■ What to work on ■
Below are the entries; give again exactly the lines from the one mentioning "frame((0.0, 0.0, -4.5)))" through the one mentioning "#153=IFCINDEXEDPOLYGONALFACE((17,21,22,18));", inclusive.

[Stored data]

>>

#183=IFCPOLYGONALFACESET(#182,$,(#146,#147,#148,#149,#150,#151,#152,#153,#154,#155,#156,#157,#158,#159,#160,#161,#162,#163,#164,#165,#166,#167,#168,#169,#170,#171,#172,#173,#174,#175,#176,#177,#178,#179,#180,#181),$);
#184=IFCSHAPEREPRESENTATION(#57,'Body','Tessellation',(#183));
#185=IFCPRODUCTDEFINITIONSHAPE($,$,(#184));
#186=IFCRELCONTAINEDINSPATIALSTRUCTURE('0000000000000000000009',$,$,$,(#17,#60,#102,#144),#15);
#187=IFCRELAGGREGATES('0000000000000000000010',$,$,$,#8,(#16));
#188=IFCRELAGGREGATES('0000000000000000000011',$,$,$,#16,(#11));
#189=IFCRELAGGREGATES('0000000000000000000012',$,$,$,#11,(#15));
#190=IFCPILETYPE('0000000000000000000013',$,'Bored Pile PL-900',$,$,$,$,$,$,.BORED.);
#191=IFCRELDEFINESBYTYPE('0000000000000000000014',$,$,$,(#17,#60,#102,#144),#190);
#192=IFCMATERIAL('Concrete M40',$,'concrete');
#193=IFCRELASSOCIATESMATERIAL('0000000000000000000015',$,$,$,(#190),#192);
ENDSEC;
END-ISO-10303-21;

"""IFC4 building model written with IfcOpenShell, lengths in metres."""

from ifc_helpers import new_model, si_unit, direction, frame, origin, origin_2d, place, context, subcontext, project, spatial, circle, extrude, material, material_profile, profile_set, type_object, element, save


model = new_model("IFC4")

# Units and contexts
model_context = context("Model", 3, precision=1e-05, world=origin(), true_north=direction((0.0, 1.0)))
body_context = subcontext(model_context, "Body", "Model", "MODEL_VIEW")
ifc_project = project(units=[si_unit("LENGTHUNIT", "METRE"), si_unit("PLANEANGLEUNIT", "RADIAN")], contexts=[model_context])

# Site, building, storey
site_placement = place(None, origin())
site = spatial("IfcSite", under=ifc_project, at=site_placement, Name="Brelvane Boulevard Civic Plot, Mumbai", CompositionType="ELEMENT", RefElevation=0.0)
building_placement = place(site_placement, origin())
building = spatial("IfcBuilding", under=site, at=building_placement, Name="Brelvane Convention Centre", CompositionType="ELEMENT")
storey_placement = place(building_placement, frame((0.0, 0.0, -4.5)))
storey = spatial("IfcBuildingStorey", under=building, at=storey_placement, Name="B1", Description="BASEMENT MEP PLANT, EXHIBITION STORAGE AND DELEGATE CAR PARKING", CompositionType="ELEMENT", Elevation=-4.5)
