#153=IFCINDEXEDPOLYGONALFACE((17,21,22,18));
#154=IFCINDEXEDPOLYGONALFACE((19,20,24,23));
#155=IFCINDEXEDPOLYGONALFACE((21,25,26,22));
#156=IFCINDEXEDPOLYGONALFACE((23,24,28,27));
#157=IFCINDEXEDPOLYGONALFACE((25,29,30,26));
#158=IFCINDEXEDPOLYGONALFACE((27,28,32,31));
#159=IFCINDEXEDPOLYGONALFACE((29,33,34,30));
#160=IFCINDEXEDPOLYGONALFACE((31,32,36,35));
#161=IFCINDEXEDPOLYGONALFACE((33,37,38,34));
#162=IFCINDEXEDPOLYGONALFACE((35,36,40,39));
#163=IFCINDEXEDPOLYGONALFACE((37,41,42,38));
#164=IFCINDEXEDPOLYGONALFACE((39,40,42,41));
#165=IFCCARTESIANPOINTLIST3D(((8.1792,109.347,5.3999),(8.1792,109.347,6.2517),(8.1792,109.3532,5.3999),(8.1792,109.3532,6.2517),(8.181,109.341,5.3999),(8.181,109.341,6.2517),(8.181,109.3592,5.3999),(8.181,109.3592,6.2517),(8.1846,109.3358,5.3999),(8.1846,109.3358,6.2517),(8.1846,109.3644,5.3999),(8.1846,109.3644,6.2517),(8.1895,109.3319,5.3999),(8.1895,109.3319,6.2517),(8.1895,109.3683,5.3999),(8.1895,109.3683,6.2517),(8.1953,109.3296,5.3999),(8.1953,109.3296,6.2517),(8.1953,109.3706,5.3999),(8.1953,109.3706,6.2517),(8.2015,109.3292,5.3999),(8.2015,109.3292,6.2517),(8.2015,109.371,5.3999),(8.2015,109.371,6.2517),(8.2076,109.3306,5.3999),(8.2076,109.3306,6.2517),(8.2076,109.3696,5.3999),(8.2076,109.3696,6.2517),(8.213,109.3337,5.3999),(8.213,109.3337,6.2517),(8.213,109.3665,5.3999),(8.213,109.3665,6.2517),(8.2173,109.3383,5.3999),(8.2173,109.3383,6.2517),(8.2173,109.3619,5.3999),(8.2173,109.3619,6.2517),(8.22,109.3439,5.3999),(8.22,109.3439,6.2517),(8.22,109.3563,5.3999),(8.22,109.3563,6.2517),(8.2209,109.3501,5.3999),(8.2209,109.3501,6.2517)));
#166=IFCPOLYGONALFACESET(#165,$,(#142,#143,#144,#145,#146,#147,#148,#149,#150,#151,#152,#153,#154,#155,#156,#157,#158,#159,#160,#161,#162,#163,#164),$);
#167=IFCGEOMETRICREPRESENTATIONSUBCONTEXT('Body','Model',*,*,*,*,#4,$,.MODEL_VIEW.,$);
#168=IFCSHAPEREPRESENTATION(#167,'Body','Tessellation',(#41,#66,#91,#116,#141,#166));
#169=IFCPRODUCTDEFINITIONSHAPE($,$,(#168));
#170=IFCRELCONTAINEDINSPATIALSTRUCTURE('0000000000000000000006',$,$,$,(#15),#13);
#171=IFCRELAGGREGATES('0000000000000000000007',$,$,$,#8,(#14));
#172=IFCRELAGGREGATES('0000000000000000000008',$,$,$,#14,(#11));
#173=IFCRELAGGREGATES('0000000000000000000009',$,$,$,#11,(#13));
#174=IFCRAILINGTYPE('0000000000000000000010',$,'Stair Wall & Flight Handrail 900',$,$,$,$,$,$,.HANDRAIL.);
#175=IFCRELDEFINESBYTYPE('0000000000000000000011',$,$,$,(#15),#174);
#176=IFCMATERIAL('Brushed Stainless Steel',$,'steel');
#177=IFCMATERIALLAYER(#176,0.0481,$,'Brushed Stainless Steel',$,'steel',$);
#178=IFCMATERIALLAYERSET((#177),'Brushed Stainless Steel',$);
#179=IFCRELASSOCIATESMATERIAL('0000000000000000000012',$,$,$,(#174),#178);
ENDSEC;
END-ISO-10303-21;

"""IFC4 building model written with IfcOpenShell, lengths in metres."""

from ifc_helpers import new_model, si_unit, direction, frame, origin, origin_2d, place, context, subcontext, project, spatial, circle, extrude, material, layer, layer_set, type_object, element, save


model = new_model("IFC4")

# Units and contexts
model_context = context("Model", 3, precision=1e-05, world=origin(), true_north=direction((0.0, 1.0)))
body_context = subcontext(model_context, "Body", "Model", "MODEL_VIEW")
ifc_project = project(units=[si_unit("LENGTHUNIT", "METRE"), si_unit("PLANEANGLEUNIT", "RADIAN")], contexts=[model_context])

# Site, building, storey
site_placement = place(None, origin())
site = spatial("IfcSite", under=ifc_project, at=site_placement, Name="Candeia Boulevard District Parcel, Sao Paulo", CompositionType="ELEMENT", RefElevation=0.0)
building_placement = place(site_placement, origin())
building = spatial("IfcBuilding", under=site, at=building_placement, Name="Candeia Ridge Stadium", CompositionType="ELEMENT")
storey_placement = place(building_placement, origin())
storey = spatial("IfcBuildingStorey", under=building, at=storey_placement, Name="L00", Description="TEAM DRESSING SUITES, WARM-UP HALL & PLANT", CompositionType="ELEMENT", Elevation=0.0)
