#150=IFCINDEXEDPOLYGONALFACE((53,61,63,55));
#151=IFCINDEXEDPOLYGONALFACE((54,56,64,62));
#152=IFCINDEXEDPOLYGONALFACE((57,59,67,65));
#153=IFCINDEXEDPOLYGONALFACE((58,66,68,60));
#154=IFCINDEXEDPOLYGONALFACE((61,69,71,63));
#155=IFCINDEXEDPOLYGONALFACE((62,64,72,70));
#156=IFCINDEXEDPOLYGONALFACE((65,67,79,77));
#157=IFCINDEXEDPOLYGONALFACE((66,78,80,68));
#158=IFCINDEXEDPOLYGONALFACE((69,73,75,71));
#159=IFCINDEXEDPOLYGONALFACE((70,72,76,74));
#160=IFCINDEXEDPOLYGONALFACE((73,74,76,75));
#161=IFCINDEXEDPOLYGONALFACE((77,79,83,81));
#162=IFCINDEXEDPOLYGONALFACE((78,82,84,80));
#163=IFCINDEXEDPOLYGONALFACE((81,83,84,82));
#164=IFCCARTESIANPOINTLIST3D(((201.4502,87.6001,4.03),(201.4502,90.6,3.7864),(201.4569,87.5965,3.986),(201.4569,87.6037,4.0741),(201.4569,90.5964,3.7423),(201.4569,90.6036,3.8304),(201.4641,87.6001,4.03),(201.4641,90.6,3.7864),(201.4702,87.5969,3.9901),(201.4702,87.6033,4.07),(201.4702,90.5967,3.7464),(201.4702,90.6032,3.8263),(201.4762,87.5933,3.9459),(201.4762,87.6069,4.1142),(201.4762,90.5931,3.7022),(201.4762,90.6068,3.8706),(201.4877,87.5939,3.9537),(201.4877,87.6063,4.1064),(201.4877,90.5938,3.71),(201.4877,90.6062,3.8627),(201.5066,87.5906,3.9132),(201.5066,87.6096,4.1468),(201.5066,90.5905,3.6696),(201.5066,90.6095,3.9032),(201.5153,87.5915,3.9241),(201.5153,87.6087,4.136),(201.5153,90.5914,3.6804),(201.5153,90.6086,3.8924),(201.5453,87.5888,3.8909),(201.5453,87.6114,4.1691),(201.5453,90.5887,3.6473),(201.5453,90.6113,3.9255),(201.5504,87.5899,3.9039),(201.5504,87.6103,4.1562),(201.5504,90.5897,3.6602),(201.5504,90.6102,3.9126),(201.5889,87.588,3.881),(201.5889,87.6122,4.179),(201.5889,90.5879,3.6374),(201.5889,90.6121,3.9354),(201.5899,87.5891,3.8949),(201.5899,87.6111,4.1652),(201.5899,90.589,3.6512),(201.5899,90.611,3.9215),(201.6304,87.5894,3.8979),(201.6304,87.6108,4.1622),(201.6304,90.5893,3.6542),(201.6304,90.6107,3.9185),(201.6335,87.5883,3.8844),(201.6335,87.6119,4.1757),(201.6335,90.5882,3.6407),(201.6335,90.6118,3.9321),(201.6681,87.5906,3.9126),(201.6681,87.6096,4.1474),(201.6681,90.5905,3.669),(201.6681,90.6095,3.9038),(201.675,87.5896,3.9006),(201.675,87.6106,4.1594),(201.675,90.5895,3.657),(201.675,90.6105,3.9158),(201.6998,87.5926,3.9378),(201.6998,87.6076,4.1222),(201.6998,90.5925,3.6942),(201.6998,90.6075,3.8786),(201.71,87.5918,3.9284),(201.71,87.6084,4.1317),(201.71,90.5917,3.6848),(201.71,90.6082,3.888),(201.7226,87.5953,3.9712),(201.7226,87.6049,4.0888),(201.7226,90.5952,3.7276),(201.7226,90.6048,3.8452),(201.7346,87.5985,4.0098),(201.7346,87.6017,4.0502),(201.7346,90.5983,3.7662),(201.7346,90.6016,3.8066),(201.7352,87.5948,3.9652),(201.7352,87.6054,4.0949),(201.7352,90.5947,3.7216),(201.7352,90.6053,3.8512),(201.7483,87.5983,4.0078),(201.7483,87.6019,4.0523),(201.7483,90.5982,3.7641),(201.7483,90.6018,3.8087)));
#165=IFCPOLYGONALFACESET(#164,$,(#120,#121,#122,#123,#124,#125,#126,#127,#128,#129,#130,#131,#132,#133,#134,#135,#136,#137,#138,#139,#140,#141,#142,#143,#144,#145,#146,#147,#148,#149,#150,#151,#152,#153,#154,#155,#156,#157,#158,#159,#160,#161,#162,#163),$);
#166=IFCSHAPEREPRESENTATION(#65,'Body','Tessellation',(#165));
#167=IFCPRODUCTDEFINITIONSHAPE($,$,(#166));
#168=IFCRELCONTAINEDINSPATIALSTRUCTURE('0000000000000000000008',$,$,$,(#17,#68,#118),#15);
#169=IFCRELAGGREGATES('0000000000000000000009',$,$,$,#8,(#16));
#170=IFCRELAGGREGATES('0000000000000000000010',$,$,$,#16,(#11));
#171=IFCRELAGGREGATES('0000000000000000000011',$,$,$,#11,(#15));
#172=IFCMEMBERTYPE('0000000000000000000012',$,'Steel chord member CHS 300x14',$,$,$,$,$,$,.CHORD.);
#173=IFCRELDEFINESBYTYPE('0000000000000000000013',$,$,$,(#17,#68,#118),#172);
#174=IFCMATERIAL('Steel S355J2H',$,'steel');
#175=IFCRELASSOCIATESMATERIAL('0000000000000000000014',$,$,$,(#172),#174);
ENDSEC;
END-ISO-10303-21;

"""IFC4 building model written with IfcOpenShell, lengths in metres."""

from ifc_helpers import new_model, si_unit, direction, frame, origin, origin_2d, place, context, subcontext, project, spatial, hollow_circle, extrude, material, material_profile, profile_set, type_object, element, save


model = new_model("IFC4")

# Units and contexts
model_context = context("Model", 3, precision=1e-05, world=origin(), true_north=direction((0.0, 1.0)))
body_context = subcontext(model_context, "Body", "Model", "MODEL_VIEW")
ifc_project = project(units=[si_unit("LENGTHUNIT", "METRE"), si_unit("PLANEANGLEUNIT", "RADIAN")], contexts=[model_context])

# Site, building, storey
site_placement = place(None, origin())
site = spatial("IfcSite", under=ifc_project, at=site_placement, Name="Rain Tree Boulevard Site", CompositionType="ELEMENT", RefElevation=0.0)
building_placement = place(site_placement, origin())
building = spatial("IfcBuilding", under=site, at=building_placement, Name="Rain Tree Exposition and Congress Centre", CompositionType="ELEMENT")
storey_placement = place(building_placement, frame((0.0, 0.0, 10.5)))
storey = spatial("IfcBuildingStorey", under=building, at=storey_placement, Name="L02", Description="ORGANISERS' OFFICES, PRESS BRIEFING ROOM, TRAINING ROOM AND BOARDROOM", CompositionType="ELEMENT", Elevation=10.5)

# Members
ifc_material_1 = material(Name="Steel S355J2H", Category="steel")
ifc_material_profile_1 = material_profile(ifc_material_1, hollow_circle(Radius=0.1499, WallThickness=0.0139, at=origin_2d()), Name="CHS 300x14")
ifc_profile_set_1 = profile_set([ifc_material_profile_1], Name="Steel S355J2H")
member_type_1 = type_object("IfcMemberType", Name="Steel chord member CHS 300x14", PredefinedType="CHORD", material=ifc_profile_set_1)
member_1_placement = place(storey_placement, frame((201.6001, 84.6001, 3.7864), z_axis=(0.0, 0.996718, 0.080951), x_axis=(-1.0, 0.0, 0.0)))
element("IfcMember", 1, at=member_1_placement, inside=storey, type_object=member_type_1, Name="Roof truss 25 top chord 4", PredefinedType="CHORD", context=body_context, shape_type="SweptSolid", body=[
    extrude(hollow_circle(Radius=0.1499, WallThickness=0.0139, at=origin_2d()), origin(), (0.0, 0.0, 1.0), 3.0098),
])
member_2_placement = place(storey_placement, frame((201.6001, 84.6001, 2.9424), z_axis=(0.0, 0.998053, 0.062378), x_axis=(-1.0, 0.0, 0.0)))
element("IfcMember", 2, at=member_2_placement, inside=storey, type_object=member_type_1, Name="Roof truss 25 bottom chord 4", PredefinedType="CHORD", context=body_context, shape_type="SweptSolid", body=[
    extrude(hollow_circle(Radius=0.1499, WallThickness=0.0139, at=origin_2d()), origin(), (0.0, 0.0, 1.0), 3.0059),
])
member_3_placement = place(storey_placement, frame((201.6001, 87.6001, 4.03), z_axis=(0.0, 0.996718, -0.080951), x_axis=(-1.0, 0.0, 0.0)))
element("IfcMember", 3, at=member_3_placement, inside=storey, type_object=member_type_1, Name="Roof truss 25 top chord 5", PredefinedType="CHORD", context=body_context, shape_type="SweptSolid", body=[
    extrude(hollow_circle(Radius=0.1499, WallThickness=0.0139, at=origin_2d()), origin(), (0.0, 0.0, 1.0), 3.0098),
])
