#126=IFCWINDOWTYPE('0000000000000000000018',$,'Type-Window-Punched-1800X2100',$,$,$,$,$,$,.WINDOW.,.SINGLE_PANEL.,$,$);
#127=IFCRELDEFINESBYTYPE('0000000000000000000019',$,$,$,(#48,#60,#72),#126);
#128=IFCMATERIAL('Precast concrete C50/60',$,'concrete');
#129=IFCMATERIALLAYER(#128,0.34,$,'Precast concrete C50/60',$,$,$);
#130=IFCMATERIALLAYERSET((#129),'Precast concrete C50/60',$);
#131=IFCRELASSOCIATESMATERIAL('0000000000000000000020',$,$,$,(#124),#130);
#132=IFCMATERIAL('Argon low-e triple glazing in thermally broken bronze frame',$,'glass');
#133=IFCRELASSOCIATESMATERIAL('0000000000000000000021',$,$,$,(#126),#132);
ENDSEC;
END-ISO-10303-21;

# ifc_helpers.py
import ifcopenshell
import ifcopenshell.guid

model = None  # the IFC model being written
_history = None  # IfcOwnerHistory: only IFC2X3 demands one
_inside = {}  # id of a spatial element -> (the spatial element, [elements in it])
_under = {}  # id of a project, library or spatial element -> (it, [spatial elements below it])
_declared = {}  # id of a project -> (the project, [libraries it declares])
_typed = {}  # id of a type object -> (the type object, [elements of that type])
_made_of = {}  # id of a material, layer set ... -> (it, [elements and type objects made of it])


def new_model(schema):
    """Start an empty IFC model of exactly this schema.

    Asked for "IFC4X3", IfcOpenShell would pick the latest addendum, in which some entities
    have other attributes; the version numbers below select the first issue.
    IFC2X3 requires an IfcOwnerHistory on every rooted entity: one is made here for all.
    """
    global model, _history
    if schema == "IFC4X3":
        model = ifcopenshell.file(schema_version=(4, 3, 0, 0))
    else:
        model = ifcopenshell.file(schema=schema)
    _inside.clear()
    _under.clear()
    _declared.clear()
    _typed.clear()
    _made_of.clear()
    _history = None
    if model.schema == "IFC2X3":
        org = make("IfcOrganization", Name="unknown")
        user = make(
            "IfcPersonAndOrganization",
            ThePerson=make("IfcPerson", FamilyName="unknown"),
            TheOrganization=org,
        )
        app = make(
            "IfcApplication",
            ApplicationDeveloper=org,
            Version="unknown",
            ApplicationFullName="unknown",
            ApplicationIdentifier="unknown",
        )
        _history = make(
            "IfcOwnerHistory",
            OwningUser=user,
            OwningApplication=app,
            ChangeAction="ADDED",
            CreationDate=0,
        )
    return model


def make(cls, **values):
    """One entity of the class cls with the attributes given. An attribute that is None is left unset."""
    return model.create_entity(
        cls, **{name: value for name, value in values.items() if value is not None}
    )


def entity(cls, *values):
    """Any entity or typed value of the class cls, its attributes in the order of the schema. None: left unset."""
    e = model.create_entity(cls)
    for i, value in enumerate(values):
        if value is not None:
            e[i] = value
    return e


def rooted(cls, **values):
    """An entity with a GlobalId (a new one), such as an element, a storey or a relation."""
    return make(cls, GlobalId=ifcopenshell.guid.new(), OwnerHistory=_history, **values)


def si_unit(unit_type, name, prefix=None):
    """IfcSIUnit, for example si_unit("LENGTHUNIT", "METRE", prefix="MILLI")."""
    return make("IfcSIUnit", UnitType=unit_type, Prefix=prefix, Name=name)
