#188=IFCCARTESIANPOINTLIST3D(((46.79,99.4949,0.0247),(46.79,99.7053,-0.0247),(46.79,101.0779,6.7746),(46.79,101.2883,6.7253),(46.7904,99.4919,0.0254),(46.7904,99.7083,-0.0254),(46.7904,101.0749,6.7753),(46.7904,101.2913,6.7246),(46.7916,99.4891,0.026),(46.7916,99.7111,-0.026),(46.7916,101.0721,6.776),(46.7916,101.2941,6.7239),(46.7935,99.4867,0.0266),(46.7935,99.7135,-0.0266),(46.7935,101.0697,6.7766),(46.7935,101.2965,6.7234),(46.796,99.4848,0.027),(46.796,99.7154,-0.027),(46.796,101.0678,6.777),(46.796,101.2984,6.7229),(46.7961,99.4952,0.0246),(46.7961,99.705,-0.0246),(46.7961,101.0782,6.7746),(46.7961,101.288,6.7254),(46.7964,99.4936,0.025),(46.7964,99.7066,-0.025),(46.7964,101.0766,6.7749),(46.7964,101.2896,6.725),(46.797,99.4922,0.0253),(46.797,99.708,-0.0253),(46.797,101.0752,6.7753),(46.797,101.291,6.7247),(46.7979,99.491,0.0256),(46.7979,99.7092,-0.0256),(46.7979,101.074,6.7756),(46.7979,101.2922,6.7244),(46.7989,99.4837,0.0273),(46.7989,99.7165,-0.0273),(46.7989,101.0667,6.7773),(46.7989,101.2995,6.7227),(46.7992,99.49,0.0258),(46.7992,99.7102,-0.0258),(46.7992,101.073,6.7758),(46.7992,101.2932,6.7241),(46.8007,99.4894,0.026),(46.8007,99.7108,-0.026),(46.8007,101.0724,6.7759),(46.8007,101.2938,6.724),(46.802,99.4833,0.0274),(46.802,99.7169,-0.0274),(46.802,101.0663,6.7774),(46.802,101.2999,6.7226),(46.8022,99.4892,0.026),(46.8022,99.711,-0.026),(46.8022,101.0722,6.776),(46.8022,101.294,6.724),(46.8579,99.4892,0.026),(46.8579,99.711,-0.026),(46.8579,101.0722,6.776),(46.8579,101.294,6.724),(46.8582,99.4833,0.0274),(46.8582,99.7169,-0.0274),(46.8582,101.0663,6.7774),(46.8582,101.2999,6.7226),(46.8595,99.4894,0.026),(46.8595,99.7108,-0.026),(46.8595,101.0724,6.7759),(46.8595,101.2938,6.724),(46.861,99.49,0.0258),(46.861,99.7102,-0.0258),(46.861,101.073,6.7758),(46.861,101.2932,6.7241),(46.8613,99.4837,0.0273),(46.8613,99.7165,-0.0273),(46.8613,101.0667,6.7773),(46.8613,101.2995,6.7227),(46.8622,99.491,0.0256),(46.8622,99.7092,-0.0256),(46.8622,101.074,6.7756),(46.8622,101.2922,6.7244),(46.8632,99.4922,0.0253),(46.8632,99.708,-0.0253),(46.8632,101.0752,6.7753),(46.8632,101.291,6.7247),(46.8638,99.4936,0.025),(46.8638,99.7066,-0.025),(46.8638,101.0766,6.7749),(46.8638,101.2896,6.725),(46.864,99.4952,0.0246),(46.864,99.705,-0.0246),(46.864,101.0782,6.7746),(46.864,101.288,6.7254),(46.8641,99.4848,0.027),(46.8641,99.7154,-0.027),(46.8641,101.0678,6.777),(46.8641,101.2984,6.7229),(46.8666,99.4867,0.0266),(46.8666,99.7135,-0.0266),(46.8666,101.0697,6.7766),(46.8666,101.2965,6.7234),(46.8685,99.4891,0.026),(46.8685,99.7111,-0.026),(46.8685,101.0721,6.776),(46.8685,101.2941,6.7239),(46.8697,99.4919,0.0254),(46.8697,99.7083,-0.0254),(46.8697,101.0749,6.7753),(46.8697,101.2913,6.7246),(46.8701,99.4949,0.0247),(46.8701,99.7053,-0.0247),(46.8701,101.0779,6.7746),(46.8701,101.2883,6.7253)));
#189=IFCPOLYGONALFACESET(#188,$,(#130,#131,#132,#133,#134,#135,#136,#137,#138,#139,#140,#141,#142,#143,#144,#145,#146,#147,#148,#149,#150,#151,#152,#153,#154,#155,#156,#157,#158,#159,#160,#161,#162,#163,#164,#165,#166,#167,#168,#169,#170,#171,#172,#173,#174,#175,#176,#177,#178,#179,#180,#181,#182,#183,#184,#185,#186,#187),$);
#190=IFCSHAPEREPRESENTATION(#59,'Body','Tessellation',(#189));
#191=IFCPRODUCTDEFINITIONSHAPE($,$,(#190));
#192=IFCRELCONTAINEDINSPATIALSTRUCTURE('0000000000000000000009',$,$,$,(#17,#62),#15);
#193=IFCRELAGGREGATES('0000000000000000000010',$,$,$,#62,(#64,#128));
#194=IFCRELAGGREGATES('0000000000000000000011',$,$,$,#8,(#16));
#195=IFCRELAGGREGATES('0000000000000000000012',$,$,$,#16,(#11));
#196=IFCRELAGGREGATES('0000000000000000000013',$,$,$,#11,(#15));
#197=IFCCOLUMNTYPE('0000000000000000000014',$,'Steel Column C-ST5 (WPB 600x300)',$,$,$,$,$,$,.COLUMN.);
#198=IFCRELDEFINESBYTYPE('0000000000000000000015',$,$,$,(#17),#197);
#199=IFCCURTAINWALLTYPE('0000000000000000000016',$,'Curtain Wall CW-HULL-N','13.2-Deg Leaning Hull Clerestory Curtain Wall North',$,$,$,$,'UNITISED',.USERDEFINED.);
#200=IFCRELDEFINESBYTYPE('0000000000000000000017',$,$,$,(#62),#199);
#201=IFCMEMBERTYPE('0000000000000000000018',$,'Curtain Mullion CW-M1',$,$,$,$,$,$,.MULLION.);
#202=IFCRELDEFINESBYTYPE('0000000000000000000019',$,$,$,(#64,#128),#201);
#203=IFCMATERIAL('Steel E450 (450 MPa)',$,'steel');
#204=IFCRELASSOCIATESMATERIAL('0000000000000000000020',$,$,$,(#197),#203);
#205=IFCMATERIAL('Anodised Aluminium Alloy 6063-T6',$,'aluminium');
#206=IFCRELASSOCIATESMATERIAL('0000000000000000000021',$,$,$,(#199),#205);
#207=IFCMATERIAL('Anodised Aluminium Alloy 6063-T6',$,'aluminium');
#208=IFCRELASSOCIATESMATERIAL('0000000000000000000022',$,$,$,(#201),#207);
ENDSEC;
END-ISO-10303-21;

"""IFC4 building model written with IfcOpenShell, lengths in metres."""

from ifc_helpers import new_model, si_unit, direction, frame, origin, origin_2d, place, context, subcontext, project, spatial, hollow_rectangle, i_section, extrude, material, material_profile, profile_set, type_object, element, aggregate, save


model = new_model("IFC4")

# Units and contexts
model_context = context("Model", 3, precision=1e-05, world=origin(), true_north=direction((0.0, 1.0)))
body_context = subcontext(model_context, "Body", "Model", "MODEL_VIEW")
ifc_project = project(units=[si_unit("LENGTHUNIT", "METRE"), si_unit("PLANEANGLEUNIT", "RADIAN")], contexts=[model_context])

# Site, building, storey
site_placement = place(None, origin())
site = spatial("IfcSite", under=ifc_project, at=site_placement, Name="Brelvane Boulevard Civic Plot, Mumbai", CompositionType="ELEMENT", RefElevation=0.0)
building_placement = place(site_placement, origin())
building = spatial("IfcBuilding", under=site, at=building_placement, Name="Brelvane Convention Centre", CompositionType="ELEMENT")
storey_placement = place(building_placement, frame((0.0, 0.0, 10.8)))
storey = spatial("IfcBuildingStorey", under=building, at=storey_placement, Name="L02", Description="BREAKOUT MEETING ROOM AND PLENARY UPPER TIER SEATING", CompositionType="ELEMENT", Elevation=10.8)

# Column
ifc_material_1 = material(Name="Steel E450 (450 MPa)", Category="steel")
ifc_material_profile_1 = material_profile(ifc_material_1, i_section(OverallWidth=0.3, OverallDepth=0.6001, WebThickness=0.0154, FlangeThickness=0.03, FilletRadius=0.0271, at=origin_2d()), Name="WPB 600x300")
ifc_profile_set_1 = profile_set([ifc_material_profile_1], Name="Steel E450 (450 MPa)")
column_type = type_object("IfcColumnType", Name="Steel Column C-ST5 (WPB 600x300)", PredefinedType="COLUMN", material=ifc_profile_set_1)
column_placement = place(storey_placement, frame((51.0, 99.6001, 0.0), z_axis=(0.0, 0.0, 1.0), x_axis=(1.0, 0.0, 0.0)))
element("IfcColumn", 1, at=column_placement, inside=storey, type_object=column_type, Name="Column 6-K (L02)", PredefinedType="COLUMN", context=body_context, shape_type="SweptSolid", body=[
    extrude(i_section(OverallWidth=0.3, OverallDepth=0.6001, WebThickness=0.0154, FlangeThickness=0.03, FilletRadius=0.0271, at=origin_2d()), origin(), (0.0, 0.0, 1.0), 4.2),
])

<<

■ Result below ■
storey_placement = place(building_placement, frame((0.0, 0.0, -4.5)))
storey = spatial("IfcBuildingStorey", under=building, at=storey_placement, Name="B1", Description="BASEMENT MEP PLANT, EXHIBITION STORAGE AND DELEGATE CAR PARKING", CompositionType="ELEMENT", Elevation=-4.5)
#153=IFCINDEXEDPOLYGONALFACE((17,21,22,18));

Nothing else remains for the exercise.